(Saved entries)
----------------------------------------

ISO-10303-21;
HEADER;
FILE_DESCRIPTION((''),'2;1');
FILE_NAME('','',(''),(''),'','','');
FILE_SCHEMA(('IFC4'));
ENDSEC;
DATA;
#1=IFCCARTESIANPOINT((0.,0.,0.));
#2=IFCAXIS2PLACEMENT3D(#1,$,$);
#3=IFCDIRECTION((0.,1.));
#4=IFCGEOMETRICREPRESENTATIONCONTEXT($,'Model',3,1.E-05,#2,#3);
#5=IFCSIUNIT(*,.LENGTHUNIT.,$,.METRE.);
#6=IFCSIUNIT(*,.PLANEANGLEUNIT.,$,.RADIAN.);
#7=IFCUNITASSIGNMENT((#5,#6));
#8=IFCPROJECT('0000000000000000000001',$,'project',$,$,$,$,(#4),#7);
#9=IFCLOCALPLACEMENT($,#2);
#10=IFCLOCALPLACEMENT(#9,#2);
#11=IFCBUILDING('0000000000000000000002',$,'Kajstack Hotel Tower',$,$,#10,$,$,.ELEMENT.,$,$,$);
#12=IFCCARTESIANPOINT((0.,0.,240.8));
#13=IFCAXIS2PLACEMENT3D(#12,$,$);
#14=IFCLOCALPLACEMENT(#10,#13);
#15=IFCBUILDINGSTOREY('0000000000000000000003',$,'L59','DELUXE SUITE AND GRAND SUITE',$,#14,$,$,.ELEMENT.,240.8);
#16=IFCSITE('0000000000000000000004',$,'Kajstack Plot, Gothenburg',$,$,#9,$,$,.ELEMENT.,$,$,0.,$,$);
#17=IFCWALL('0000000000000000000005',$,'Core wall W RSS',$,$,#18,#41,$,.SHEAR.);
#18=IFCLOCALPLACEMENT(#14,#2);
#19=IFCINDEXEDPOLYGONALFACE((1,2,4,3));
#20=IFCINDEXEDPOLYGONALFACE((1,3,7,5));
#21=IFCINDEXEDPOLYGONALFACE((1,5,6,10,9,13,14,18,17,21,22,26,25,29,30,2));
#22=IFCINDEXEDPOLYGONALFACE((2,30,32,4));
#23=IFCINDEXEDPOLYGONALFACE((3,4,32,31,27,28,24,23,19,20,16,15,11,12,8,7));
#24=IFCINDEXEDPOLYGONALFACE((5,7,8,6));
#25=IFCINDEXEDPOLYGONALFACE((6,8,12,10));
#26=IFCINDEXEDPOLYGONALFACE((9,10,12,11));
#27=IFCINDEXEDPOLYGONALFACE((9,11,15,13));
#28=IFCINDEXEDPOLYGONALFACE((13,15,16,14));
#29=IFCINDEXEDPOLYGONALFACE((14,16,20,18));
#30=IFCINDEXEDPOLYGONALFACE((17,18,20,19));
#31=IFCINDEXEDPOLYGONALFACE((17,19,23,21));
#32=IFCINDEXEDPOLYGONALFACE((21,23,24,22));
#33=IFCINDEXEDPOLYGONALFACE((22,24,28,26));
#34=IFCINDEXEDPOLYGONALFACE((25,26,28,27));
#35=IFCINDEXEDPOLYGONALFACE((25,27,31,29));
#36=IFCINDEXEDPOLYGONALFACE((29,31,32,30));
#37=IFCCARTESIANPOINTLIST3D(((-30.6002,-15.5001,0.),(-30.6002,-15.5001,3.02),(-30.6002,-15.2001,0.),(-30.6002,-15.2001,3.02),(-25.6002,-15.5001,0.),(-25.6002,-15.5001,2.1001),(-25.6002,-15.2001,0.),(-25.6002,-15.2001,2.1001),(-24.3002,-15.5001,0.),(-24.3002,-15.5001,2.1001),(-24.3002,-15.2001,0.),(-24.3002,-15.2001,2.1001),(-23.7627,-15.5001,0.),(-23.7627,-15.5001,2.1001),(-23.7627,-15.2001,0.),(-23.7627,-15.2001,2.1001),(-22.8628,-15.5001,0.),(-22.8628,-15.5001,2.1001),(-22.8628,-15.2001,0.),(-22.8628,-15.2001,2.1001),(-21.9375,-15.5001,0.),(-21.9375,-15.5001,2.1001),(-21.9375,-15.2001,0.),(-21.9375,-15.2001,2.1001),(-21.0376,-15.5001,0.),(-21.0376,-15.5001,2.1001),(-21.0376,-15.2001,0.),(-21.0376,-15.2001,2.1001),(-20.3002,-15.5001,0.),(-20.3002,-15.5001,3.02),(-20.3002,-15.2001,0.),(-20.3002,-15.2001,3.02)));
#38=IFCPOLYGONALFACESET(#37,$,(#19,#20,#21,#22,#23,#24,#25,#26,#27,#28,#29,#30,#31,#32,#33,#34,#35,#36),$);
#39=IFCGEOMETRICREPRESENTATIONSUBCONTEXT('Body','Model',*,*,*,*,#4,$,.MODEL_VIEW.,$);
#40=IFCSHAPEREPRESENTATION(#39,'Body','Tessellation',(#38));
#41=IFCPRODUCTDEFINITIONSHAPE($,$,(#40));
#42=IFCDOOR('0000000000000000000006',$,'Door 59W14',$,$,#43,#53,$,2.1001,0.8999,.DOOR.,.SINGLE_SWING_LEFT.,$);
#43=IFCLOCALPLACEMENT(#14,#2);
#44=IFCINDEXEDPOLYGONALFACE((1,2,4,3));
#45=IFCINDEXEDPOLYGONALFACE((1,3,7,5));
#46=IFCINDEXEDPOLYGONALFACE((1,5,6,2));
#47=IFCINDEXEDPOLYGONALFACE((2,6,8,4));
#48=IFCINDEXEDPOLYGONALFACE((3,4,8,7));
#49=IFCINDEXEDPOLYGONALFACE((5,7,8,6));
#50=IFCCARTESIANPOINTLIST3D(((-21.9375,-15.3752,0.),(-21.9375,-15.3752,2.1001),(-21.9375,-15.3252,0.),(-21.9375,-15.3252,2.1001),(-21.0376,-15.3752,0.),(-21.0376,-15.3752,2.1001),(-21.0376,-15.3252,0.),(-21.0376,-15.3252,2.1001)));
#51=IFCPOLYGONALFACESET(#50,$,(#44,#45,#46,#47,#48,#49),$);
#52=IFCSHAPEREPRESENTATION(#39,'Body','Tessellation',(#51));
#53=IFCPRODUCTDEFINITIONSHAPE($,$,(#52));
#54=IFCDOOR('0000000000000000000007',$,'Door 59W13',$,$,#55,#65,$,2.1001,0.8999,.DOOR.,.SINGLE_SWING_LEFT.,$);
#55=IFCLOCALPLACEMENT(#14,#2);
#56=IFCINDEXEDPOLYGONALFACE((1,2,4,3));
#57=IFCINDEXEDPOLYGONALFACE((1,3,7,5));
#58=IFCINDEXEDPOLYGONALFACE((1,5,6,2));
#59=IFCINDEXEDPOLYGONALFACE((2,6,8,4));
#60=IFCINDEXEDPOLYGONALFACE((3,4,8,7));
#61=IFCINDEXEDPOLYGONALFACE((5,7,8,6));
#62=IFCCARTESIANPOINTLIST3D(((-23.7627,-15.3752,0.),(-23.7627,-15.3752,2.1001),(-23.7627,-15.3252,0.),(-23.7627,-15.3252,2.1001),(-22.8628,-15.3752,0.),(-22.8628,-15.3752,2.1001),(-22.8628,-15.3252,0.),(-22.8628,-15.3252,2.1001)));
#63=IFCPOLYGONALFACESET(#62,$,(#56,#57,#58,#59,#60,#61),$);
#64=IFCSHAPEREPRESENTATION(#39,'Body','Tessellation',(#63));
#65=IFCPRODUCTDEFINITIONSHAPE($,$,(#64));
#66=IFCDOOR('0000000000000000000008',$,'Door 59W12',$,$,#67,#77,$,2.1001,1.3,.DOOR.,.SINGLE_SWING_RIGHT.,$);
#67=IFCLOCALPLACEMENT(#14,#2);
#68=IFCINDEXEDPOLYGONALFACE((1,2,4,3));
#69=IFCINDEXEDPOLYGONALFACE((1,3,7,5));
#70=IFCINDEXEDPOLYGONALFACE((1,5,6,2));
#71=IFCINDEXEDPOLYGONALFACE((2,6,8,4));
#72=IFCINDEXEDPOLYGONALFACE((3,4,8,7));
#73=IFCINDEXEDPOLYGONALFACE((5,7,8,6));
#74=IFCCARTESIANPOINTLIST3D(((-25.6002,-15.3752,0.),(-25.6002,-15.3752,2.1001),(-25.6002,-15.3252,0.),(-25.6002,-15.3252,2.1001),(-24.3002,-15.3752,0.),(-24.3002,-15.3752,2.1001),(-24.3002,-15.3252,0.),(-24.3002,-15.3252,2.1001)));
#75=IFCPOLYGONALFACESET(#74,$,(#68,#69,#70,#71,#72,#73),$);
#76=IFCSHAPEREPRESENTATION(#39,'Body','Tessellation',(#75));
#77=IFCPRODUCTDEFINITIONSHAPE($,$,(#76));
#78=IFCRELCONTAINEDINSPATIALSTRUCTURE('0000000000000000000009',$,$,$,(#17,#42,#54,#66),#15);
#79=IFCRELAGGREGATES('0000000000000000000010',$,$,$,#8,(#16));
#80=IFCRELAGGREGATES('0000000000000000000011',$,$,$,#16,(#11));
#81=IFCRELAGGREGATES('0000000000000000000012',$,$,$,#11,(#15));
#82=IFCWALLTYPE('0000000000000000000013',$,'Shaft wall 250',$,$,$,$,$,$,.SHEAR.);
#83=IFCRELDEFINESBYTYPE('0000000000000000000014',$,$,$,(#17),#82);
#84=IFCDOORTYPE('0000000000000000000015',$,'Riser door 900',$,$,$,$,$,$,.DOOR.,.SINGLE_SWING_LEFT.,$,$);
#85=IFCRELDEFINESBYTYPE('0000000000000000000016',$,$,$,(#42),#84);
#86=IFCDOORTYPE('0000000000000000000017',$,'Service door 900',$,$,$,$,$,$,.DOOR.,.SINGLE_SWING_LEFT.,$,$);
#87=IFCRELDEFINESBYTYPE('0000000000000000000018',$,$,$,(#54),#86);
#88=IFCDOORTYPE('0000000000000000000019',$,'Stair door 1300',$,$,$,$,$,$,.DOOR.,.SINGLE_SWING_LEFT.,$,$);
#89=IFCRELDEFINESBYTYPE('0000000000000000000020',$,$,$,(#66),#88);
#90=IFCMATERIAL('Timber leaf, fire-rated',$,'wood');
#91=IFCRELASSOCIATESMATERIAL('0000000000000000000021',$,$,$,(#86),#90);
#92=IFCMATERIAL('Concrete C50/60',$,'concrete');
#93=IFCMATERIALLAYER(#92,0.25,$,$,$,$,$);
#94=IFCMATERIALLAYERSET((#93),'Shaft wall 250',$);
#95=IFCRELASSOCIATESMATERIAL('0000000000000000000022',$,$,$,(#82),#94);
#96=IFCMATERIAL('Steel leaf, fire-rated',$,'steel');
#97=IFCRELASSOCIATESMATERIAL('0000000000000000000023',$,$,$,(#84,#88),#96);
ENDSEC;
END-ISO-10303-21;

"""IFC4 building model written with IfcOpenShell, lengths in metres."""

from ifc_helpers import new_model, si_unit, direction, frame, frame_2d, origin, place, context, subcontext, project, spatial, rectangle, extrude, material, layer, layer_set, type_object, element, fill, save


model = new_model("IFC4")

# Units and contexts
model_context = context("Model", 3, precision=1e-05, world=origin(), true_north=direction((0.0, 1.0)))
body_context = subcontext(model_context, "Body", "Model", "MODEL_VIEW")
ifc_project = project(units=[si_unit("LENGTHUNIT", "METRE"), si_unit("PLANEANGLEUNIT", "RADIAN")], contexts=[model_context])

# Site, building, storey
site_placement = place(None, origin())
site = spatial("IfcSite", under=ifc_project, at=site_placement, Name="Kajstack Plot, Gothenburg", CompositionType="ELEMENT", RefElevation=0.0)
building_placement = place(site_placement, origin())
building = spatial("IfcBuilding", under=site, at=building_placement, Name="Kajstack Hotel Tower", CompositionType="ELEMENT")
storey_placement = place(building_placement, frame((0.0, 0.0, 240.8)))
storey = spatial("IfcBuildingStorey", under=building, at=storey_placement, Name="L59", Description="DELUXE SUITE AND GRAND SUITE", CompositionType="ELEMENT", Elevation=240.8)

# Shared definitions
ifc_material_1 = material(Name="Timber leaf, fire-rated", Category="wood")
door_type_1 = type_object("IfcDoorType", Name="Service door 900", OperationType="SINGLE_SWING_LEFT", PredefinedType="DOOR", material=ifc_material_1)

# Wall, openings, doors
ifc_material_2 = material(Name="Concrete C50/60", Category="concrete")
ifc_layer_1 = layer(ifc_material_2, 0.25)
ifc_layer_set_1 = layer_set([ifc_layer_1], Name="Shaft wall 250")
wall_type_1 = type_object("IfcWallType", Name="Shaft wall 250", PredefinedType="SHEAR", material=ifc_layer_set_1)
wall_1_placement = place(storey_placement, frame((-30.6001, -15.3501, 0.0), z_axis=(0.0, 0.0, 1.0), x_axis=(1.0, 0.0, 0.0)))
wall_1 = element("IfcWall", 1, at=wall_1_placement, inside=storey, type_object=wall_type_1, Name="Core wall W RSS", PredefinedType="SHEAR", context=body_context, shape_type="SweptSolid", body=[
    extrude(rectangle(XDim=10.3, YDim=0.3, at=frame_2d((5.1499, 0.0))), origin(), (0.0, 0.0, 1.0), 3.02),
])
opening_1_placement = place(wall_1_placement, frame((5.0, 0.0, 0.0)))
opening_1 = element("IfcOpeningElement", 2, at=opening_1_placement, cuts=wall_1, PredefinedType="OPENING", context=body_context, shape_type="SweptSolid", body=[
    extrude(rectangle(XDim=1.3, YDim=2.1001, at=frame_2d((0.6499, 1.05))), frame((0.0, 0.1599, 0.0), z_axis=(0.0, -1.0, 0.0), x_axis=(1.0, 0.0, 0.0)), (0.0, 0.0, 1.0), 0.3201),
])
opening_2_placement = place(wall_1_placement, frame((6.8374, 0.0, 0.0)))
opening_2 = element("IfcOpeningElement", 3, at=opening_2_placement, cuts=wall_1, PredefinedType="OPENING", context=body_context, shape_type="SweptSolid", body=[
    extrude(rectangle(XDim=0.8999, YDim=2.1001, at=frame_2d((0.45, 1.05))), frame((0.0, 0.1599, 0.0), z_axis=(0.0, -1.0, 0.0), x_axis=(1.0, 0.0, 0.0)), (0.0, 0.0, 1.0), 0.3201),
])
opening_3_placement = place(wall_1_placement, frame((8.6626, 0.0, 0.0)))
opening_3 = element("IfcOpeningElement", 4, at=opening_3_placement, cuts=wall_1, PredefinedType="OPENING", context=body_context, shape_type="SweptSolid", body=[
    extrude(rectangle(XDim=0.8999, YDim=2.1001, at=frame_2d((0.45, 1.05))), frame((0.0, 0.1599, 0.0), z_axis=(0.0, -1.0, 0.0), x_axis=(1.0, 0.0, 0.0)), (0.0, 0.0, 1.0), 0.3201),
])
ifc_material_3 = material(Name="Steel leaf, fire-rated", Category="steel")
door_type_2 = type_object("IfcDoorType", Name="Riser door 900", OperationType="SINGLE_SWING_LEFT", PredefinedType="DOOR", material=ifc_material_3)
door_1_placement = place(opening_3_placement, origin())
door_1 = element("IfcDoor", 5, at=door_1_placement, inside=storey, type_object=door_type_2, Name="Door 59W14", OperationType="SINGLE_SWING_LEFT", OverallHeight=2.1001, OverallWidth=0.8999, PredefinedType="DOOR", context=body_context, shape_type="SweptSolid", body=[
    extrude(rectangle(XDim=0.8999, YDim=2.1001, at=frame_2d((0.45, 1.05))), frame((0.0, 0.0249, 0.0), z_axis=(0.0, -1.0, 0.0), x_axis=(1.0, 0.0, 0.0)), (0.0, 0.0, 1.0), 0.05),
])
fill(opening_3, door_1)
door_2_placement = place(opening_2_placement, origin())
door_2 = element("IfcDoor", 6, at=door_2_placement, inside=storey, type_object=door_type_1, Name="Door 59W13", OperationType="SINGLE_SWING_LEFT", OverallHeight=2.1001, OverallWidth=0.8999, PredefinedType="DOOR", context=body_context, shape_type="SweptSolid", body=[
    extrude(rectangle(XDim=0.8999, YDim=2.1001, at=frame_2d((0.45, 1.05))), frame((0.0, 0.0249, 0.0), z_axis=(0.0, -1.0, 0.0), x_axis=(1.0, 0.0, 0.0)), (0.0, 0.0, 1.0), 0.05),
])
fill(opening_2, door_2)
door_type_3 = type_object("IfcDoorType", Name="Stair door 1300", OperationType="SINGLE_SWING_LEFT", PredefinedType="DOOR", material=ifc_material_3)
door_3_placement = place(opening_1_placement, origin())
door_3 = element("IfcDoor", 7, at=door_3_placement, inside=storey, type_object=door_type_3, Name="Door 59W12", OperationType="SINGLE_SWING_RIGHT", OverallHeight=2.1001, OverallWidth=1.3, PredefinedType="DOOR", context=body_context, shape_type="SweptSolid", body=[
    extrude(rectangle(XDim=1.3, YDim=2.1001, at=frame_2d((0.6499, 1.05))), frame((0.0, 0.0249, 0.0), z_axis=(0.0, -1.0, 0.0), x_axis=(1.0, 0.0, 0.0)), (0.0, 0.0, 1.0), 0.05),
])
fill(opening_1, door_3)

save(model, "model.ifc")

----------------------------------------

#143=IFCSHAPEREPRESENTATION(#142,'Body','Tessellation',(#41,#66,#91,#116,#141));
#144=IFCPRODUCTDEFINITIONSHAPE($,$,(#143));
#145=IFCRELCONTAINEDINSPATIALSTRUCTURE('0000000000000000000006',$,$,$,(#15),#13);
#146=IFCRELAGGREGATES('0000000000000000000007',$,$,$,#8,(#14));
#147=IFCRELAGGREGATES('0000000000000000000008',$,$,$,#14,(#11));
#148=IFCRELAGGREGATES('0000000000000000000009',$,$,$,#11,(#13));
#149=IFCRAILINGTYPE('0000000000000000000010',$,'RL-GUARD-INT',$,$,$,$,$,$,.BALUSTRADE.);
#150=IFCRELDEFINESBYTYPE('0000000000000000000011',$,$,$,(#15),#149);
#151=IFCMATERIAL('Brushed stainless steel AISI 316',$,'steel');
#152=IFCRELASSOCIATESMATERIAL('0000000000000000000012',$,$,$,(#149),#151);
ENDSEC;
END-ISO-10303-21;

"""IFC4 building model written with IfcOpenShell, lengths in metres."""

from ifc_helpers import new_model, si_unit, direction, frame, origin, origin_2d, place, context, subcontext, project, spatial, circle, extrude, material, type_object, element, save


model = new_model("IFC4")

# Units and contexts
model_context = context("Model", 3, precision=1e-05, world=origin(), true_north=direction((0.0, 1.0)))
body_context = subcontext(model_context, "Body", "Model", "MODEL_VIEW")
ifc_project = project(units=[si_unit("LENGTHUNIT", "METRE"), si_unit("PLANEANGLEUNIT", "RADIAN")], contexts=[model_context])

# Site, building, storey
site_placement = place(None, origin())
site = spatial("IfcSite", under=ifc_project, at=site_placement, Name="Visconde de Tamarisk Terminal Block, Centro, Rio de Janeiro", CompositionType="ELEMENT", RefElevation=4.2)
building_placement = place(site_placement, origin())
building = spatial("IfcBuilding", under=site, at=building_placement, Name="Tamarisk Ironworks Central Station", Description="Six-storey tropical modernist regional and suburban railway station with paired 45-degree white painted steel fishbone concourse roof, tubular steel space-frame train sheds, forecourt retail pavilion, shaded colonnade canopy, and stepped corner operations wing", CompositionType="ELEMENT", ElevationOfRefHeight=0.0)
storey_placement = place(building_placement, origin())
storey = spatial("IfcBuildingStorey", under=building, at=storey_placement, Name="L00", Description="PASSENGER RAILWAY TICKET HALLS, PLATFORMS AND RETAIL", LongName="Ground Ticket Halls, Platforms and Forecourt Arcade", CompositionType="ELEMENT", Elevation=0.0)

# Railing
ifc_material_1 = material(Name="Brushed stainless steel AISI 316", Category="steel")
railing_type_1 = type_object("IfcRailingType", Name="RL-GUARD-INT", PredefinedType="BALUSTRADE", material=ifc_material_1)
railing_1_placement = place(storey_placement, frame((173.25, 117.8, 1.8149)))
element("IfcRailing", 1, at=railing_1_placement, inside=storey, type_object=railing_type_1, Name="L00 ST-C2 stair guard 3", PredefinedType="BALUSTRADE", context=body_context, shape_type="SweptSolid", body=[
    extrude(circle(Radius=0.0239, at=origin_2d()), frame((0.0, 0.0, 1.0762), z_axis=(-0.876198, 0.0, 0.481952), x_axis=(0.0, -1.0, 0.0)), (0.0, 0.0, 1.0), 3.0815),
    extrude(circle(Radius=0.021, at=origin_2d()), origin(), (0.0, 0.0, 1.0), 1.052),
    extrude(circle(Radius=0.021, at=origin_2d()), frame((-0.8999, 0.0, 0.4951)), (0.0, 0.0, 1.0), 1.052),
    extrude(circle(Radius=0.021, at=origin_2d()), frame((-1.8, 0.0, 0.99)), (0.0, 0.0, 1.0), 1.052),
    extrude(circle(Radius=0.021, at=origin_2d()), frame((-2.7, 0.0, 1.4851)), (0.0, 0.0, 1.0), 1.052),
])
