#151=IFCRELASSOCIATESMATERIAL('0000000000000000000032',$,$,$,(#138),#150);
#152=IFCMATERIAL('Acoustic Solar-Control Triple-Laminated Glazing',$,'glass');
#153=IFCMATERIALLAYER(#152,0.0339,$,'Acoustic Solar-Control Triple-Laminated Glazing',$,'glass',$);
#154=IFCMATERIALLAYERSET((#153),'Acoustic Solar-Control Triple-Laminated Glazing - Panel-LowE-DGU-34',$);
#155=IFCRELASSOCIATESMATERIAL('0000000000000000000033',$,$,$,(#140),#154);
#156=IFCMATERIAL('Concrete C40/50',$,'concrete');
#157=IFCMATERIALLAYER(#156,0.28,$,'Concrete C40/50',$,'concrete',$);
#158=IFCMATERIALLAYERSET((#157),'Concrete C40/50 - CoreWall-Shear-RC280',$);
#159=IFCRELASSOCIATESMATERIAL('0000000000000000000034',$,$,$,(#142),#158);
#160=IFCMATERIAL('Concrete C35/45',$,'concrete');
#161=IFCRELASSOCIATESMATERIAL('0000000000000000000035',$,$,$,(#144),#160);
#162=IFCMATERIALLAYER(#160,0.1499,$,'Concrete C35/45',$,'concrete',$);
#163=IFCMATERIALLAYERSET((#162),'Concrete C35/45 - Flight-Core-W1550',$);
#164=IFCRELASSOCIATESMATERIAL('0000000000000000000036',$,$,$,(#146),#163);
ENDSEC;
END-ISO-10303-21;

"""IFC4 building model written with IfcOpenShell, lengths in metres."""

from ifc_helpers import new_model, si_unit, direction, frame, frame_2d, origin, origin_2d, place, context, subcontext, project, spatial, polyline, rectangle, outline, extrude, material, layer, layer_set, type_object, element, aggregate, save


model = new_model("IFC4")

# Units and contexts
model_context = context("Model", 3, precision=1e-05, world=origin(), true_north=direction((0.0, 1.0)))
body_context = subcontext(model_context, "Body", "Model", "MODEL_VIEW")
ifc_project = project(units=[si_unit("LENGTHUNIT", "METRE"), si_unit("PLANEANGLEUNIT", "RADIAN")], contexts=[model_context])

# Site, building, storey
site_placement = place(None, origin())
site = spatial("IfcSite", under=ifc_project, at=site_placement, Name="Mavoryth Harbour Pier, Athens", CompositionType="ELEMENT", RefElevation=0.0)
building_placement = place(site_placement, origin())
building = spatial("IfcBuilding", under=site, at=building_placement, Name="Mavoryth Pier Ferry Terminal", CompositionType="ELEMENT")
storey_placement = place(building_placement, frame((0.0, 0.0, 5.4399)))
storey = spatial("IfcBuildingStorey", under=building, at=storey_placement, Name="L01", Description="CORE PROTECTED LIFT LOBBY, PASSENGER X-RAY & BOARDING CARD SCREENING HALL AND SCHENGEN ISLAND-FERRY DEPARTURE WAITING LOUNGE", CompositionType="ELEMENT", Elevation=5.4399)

----------------------------------------

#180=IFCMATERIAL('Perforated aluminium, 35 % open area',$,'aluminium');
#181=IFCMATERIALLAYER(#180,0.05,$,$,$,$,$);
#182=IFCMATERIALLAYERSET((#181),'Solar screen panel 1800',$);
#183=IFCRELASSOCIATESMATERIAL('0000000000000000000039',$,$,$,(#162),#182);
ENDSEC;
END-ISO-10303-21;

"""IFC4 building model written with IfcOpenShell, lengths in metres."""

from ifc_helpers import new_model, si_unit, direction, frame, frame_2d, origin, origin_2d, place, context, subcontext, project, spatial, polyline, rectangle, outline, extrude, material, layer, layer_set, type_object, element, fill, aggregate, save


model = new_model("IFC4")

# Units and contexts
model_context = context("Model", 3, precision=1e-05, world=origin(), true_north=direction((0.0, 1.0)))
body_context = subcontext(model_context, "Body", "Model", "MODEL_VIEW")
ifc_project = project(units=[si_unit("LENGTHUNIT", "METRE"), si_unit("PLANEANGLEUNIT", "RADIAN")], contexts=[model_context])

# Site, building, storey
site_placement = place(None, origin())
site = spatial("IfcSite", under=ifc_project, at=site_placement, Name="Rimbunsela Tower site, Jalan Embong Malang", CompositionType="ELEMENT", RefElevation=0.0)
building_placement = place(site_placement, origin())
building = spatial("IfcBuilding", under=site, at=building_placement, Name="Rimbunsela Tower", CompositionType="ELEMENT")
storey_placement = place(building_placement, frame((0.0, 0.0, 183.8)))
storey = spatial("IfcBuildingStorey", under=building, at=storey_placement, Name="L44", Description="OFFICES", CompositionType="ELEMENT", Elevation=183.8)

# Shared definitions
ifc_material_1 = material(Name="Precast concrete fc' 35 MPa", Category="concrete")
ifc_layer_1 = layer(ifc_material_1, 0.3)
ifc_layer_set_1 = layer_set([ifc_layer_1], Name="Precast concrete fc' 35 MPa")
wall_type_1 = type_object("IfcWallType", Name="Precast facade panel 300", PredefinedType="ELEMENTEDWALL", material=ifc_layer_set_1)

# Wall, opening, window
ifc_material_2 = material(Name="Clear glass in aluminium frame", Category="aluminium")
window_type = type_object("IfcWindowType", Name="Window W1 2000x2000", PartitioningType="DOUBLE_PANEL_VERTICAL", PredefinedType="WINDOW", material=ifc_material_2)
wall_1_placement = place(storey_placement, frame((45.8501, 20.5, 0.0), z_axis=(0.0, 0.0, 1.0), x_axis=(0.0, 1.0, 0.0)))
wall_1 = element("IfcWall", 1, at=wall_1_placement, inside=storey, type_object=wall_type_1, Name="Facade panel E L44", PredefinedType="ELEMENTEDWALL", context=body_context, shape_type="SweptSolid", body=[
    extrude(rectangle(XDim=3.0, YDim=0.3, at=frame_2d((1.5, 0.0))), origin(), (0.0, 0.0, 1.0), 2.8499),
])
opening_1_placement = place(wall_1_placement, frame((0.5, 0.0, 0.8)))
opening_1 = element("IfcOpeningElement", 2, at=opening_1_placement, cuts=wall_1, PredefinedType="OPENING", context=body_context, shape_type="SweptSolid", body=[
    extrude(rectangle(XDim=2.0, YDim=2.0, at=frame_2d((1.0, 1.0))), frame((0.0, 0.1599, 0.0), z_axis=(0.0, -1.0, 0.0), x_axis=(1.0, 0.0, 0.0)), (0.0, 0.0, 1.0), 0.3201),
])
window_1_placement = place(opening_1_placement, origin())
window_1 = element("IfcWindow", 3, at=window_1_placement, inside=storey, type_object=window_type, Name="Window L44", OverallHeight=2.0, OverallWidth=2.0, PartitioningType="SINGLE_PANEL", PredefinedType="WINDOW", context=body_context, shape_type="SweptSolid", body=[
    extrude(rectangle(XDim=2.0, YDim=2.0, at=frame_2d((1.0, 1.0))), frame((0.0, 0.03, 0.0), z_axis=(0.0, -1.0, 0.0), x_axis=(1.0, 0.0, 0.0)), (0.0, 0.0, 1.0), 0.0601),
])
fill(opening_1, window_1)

----------------------------------------

WORK REQUEST → Show all lines above holding the word "Solar".

WRITTEN SOLUTION →
#152=IFCMATERIAL('Acoustic Solar-Control Triple-Laminated Glazing',$,'glass');
#153=IFCMATERIALLAYER(#152,0.0339,$,'Acoustic Solar-Control Triple-Laminated Glazing',$,'glass',$);
#154=IFCMATERIALLAYERSET((#153),'Acoustic Solar-Control Triple-Laminated Glazing - Panel-LowE-DGU-34',$);
#182=IFCMATERIALLAYERSET((#181),'Solar screen panel 1800',$);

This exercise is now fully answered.